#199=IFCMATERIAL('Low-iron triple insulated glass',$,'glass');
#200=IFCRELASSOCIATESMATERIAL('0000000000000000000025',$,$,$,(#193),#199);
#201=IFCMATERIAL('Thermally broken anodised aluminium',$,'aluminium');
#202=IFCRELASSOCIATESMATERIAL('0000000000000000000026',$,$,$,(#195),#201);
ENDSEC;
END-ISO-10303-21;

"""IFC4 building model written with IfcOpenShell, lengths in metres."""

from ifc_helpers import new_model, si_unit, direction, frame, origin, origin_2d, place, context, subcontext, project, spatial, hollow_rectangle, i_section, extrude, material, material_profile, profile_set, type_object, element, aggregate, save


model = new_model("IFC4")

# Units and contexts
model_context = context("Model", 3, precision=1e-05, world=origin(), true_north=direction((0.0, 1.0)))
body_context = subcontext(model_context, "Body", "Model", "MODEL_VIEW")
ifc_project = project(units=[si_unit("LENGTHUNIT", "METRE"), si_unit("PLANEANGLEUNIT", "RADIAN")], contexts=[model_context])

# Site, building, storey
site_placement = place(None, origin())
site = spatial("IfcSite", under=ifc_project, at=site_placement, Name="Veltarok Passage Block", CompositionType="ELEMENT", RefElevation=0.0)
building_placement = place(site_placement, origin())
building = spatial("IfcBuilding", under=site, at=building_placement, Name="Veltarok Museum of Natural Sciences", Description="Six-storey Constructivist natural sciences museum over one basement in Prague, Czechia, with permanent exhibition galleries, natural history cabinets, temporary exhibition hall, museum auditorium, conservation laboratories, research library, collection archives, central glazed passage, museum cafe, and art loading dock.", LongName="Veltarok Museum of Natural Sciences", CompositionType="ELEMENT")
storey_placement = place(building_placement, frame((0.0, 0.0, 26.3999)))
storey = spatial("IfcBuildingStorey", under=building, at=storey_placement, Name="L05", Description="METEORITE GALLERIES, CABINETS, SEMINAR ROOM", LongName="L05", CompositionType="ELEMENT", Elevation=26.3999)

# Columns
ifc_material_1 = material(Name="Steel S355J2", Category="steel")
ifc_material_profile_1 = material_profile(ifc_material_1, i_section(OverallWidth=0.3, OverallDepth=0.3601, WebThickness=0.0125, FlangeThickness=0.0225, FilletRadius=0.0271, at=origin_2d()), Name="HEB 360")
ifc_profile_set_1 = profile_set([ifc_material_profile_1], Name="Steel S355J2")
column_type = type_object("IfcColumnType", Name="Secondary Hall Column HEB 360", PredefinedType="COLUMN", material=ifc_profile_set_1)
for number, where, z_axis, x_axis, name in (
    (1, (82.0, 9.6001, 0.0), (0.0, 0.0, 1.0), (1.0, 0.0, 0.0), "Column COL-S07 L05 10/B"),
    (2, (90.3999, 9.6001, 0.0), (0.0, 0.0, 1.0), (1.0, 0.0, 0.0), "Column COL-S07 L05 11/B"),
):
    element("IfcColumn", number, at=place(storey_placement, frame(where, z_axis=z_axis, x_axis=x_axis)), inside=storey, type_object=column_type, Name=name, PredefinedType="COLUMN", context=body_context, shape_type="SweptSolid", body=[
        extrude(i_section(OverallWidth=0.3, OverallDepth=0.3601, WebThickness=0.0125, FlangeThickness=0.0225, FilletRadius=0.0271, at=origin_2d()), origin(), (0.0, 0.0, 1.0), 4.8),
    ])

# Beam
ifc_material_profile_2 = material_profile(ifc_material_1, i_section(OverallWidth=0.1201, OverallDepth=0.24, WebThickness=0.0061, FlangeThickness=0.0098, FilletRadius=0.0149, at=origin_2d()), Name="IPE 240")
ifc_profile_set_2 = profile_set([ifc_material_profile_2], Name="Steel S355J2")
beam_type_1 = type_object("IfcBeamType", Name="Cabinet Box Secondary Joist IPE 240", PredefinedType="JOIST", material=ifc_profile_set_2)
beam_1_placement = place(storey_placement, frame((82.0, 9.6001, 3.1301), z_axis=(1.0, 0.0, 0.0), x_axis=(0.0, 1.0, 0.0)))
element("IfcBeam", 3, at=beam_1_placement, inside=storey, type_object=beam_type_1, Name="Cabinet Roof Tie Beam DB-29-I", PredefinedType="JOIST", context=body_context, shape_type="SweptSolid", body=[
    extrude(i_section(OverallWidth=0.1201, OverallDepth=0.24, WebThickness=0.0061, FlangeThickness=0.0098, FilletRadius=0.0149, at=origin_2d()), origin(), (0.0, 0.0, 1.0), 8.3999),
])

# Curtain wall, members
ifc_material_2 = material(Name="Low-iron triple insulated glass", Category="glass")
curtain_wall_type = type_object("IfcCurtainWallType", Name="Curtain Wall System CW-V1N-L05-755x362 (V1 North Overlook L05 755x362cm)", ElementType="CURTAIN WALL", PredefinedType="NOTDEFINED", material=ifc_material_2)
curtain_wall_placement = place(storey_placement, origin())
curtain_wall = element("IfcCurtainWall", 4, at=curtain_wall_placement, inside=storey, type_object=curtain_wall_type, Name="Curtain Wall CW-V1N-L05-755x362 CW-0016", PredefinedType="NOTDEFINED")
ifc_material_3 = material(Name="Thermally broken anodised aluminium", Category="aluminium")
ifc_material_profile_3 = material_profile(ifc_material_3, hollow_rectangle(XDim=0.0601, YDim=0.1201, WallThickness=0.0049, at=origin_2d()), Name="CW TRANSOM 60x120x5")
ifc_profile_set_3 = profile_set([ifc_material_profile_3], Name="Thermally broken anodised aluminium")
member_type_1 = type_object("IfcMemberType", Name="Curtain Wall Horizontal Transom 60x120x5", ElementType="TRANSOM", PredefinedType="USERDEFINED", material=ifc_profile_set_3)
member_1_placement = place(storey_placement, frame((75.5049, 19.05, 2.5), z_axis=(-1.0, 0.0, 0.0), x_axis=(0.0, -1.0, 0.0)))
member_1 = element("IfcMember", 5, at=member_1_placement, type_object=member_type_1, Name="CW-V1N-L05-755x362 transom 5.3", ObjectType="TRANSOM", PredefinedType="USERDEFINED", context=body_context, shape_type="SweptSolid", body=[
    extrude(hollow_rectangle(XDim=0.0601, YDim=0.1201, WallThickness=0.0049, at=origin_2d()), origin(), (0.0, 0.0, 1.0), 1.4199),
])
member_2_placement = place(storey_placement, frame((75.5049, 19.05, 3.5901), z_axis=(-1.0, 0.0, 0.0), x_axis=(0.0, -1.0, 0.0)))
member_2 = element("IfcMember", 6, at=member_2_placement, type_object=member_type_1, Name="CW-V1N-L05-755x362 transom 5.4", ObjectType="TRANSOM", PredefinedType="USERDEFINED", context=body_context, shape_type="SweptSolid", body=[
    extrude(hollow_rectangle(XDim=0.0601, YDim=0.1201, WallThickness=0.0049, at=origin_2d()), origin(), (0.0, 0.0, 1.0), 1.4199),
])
....
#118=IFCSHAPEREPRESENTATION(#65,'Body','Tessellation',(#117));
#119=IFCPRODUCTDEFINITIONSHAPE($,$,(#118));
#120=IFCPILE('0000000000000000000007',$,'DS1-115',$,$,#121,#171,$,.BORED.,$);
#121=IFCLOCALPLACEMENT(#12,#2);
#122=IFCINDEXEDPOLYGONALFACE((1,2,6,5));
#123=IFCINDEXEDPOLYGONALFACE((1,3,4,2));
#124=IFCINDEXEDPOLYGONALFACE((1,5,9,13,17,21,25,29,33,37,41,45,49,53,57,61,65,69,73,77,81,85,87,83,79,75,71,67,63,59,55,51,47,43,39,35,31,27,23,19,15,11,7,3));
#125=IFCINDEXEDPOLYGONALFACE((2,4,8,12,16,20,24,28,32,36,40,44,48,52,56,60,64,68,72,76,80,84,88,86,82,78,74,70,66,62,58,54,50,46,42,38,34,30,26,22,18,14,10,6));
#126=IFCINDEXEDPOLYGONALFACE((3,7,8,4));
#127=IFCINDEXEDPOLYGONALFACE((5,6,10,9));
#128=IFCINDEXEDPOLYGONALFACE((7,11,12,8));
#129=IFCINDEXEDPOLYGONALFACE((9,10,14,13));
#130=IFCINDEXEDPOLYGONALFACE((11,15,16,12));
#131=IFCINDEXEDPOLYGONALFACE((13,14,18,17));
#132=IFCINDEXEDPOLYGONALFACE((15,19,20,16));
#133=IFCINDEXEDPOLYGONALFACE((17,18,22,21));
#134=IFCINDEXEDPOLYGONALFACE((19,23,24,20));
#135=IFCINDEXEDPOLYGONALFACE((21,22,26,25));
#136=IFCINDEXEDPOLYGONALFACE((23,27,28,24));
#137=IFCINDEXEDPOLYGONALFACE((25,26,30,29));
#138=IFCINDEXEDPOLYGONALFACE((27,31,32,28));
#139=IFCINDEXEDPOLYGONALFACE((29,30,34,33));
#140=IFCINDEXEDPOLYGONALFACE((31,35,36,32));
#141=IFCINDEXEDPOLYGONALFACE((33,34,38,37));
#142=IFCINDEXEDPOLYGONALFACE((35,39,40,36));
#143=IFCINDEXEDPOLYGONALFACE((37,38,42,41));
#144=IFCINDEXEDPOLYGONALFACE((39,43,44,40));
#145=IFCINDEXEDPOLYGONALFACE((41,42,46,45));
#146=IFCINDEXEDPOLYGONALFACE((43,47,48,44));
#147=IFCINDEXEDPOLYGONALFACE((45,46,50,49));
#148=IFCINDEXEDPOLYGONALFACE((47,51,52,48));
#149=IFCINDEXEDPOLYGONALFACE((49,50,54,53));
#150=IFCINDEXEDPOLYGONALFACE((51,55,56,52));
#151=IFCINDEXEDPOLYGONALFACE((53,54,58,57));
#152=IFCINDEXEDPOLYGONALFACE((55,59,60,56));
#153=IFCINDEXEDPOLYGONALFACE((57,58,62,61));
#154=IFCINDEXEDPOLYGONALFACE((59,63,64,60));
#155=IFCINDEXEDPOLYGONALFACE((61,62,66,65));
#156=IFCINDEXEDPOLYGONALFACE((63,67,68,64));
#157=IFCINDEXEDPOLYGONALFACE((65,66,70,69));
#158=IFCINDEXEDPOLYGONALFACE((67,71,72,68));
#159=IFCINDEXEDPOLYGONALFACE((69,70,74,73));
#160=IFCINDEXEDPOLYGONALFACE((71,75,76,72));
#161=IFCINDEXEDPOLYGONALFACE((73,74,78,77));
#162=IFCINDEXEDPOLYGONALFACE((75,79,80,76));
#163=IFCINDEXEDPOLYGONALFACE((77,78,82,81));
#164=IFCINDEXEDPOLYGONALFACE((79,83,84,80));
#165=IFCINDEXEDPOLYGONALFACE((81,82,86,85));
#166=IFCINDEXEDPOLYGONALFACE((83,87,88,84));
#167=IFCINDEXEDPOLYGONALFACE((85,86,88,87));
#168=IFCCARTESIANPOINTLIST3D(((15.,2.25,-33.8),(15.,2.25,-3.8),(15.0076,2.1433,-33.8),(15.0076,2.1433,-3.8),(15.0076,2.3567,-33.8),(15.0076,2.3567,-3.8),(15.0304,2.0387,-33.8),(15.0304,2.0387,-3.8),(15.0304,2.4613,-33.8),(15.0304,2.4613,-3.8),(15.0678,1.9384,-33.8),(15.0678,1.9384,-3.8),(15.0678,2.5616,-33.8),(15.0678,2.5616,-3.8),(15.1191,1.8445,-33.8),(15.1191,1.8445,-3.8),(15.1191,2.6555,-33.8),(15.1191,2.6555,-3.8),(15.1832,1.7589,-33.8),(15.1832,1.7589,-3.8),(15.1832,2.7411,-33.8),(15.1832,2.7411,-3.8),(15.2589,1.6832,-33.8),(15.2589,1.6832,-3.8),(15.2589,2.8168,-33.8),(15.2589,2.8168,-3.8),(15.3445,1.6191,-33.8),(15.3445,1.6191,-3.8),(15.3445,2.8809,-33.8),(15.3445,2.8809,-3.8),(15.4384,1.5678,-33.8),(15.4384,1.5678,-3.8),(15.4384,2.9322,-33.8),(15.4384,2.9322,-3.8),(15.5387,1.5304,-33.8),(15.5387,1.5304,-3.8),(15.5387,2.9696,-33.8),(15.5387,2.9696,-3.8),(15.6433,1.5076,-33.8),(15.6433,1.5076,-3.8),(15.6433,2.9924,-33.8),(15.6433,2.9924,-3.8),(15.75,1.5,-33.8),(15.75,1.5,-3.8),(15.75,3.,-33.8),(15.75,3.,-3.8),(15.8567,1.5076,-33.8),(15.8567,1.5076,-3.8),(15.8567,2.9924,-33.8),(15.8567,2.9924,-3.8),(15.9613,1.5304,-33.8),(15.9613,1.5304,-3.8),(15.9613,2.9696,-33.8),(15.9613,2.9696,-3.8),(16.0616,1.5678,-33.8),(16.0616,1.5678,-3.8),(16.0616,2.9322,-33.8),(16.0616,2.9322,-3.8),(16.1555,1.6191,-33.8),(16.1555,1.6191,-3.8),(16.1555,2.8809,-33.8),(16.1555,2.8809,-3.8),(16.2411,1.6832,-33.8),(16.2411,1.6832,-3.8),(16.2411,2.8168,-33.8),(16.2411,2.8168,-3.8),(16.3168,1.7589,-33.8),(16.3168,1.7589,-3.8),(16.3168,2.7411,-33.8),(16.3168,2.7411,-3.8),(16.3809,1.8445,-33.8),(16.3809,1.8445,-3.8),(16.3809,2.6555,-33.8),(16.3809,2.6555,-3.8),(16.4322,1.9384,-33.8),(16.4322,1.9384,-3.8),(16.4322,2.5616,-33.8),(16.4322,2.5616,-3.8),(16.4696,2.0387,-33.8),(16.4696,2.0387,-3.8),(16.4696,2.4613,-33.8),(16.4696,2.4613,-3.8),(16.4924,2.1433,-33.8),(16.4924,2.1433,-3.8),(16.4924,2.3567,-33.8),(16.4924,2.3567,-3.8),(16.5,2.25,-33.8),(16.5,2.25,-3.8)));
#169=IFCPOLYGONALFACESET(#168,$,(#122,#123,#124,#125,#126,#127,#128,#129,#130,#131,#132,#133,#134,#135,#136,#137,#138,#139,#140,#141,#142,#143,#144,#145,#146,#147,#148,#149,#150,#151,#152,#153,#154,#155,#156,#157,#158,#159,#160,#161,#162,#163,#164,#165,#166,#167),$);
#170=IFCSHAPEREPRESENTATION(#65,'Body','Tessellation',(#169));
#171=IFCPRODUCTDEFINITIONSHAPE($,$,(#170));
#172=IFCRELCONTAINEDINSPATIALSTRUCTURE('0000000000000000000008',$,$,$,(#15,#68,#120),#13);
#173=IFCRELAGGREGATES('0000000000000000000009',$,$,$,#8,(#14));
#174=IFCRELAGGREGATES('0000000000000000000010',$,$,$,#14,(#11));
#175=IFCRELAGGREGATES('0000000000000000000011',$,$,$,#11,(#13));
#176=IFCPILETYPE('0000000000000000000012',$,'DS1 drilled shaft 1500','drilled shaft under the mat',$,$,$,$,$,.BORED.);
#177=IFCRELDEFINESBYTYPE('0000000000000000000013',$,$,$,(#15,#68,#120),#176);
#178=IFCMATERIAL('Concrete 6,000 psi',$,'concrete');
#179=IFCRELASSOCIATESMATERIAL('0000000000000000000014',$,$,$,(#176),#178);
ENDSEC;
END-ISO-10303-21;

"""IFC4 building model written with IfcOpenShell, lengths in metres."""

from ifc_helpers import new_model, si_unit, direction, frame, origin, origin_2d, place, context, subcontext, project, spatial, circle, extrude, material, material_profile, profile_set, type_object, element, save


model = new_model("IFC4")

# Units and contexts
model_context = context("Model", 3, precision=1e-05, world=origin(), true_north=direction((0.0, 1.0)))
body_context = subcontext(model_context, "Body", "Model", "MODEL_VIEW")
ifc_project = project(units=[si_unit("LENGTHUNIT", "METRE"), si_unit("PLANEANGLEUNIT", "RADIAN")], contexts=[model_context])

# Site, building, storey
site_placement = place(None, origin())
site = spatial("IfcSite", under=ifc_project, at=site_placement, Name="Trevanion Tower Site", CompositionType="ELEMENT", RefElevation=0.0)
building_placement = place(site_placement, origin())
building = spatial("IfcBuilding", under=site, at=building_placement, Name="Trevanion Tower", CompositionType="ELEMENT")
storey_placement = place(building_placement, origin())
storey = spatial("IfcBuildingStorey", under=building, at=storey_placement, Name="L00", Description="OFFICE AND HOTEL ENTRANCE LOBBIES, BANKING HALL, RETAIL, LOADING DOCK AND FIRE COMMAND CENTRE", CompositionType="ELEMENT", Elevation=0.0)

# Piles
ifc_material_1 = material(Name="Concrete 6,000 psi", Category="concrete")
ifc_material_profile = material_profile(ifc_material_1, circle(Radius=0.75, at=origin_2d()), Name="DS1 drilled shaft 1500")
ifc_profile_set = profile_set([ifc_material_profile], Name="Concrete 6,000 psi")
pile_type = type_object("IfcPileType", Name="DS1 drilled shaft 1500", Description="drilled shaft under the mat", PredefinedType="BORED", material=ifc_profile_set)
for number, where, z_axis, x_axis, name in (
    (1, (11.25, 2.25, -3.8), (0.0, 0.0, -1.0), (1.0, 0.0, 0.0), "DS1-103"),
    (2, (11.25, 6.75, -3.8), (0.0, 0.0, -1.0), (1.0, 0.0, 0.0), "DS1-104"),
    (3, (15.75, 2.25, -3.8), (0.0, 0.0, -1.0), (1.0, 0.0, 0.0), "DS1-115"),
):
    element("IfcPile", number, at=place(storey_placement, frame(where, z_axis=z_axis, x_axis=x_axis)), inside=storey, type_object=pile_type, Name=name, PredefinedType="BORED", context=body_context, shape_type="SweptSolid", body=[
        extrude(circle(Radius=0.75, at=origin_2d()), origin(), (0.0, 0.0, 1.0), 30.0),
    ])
....
- Try it -
Check the data for the word "ElementType" and pull out the lines that have it.

- Result -
curtain_wall_type = type_object("IfcCurtainWallType", Name="Curtain Wall System CW-V1N-L05-755x362 (V1 North Overlook L05 755x362cm)", ElementType="CURTAIN WALL", PredefinedType="NOTDEFINED", material=ifc_material_2)
member_type_1 = type_object("IfcMemberType", Name="Curtain Wall Horizontal Transom 60x120x5", ElementType="TRANSOM", PredefinedType="USERDEFINED", material=ifc_profile_set_3)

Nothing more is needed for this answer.